Saved data entries
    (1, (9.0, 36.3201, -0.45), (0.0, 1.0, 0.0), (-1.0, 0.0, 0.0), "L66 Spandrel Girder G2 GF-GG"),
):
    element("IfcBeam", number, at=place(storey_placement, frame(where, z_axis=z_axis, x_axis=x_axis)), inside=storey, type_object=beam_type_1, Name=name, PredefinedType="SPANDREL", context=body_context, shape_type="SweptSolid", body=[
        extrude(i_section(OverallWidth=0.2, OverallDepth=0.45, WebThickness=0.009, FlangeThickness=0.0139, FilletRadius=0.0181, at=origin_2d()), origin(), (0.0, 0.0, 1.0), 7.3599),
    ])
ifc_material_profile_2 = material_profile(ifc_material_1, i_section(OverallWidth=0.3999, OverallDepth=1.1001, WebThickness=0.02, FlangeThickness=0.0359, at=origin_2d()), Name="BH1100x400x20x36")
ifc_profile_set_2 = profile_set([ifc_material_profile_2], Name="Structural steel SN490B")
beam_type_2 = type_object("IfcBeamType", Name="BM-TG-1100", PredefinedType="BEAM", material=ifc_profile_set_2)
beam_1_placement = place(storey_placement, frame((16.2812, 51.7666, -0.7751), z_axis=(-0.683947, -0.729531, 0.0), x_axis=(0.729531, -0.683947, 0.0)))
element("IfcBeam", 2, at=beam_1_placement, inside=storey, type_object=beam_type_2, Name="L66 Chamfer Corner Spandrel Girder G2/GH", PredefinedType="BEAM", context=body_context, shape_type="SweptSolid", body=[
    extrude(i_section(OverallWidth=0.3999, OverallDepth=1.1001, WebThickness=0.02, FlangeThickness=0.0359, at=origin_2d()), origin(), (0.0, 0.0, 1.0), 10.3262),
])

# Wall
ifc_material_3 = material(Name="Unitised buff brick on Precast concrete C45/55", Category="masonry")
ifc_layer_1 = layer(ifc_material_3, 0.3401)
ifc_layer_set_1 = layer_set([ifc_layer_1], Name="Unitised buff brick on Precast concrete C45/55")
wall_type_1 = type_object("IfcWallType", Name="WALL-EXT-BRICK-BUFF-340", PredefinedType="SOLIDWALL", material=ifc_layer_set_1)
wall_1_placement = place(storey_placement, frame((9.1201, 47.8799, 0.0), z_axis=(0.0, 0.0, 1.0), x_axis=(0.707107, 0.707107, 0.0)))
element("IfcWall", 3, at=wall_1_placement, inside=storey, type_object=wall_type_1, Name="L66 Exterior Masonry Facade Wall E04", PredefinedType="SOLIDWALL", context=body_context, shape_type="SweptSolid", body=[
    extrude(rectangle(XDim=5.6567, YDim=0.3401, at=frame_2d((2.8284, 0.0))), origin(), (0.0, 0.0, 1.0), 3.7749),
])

==

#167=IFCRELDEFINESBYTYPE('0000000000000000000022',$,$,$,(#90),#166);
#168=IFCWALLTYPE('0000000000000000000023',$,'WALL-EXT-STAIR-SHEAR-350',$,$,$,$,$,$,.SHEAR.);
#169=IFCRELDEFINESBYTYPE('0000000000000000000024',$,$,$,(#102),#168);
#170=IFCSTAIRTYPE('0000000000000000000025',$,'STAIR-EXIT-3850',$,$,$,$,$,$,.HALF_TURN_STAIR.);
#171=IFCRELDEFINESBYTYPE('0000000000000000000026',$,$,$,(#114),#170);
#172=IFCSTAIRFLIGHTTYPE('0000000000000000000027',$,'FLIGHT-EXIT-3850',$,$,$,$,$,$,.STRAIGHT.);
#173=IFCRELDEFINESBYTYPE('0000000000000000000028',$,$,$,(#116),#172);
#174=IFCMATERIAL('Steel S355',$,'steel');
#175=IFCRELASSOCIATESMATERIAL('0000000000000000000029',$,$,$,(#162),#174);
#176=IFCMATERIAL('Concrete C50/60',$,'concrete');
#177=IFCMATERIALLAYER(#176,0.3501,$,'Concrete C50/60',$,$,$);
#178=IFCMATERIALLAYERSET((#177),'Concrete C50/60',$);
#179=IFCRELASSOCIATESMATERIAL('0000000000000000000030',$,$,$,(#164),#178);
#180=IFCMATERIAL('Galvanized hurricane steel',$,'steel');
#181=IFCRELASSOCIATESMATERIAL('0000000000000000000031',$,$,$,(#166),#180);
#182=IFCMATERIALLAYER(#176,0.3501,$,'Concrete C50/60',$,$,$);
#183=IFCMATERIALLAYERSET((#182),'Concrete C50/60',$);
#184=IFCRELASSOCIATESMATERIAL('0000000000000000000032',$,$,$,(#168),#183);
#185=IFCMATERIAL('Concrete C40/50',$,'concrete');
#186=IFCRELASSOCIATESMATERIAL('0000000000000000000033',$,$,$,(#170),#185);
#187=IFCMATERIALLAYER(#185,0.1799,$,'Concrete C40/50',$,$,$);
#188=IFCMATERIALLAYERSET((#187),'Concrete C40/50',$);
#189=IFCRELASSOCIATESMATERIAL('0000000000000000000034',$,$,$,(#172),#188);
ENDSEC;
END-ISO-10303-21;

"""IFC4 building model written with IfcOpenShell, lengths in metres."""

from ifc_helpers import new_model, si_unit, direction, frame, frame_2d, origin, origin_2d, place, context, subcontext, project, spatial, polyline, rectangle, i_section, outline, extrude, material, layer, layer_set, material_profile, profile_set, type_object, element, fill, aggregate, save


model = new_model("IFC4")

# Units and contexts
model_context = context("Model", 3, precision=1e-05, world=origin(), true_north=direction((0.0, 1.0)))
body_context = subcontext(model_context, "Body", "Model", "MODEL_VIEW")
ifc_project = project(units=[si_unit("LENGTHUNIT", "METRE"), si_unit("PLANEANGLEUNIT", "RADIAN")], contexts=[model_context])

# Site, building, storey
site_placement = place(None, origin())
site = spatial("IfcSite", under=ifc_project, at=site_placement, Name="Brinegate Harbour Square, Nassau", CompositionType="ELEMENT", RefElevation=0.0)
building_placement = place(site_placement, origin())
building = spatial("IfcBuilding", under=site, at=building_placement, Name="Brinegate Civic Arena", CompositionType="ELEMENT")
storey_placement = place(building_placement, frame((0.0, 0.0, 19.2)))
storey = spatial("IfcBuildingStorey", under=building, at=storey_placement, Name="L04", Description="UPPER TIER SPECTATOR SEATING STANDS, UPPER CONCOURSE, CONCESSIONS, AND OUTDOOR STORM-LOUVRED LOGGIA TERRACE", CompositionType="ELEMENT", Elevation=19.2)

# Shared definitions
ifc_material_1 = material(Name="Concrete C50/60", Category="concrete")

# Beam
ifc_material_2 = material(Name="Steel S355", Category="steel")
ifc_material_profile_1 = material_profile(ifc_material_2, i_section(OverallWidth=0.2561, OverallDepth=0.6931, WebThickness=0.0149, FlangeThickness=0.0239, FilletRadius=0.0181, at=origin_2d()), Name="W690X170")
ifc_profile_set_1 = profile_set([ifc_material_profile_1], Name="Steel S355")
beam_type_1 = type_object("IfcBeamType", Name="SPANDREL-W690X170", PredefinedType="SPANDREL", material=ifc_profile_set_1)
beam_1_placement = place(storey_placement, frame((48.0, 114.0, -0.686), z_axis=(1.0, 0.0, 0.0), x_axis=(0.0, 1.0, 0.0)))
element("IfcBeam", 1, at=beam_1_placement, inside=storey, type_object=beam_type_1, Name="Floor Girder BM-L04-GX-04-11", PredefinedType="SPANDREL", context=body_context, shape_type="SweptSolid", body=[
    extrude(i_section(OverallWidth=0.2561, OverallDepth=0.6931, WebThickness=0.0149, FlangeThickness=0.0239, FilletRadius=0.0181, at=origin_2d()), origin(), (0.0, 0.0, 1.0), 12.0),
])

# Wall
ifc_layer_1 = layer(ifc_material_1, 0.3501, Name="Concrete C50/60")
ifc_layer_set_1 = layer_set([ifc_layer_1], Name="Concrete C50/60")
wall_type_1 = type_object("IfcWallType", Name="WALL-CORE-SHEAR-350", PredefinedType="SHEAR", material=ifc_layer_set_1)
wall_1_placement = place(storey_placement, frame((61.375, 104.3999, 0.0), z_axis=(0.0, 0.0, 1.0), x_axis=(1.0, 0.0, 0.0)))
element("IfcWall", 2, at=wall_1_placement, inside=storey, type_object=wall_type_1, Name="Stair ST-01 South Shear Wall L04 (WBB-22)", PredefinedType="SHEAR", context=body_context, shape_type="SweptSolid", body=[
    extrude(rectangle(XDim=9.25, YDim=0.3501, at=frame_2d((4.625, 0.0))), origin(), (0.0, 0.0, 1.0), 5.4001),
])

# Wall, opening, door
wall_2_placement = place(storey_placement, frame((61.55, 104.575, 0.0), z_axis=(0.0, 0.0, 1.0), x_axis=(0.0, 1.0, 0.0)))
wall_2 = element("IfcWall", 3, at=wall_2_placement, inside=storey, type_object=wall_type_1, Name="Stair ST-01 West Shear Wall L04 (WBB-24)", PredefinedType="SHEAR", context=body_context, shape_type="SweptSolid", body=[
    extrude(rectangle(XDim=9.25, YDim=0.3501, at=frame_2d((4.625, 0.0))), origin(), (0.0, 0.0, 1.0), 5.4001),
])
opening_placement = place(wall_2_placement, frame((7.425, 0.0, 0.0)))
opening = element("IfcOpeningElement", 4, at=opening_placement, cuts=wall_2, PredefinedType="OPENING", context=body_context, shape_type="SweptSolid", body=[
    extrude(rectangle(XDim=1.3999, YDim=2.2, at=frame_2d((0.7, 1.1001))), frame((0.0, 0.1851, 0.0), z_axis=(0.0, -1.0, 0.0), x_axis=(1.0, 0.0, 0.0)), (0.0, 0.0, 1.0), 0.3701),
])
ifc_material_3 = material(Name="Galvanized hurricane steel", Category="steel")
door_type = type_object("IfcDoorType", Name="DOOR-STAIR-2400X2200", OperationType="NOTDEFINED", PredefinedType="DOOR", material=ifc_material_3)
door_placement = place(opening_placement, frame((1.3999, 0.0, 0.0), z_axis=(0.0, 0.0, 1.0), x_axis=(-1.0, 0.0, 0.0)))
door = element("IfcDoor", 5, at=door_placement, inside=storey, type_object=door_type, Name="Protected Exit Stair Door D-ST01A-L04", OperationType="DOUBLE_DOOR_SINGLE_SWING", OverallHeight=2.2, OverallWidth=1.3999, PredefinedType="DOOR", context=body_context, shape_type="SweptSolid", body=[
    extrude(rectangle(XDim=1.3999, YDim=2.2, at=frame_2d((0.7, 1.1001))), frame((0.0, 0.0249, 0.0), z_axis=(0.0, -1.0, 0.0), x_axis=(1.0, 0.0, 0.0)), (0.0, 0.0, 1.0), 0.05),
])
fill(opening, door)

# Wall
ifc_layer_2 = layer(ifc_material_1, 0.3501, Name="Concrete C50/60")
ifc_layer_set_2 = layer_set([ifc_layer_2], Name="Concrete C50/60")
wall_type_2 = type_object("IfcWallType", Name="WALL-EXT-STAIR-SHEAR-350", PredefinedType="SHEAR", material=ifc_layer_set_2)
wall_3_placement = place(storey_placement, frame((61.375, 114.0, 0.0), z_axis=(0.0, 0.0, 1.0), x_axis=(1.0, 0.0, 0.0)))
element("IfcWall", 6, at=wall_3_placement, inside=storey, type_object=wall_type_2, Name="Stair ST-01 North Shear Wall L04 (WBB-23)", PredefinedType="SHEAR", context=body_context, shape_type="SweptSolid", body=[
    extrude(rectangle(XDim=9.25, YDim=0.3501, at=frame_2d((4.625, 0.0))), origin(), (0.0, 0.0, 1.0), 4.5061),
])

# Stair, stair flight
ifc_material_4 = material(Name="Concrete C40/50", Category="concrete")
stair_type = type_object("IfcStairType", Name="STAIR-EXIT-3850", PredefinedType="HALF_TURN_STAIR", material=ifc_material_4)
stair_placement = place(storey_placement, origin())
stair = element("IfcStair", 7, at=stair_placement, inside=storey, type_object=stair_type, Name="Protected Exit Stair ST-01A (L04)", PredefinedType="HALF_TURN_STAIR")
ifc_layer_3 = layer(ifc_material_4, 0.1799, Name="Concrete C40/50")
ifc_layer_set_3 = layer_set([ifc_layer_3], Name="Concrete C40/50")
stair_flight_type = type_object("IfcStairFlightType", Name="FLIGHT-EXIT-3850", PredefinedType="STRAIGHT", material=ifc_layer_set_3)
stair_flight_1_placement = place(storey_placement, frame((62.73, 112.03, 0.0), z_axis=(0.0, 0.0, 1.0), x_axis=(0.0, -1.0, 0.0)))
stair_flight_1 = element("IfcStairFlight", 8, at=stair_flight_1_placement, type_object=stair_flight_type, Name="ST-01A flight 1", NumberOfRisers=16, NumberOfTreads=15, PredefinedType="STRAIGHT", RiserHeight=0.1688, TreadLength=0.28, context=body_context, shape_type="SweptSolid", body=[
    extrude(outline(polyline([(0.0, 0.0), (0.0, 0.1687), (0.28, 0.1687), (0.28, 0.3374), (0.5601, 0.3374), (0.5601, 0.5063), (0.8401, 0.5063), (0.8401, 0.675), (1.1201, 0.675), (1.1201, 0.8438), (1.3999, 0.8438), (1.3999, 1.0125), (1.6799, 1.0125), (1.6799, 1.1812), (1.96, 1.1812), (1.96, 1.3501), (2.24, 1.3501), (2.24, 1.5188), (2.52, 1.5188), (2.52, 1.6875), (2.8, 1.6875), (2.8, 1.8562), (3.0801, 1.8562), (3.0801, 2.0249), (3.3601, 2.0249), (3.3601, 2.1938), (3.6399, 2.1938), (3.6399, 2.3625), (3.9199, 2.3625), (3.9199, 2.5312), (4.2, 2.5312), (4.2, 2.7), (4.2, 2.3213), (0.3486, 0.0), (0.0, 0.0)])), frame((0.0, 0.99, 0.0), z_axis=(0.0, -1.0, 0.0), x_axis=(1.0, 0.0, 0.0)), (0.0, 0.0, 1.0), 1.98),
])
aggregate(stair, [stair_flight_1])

(ACTIVITY) Pull every line containing "STRAIGHT" from the entries above and copy it.

(REPLY TO THE EXERCISE)
#172=IFCSTAIRFLIGHTTYPE('0000000000000000000027',$,'FLIGHT-EXIT-3850',$,$,$,$,$,$,.STRAIGHT.);
stair_flight_type = type_object("IfcStairFlightType", Name="FLIGHT-EXIT-3850", PredefinedType="STRAIGHT", material=ifc_layer_set_3)
stair_flight_1 = element("IfcStairFlight", 8, at=stair_flight_1_placement, type_object=stair_flight_type, Name="ST-01A flight 1", NumberOfRisers=16, NumberOfTreads=15, PredefinedType="STRAIGHT", RiserHeight=0.1688, TreadLength=0.28, context=body_context, shape_type="SweptSolid", body=[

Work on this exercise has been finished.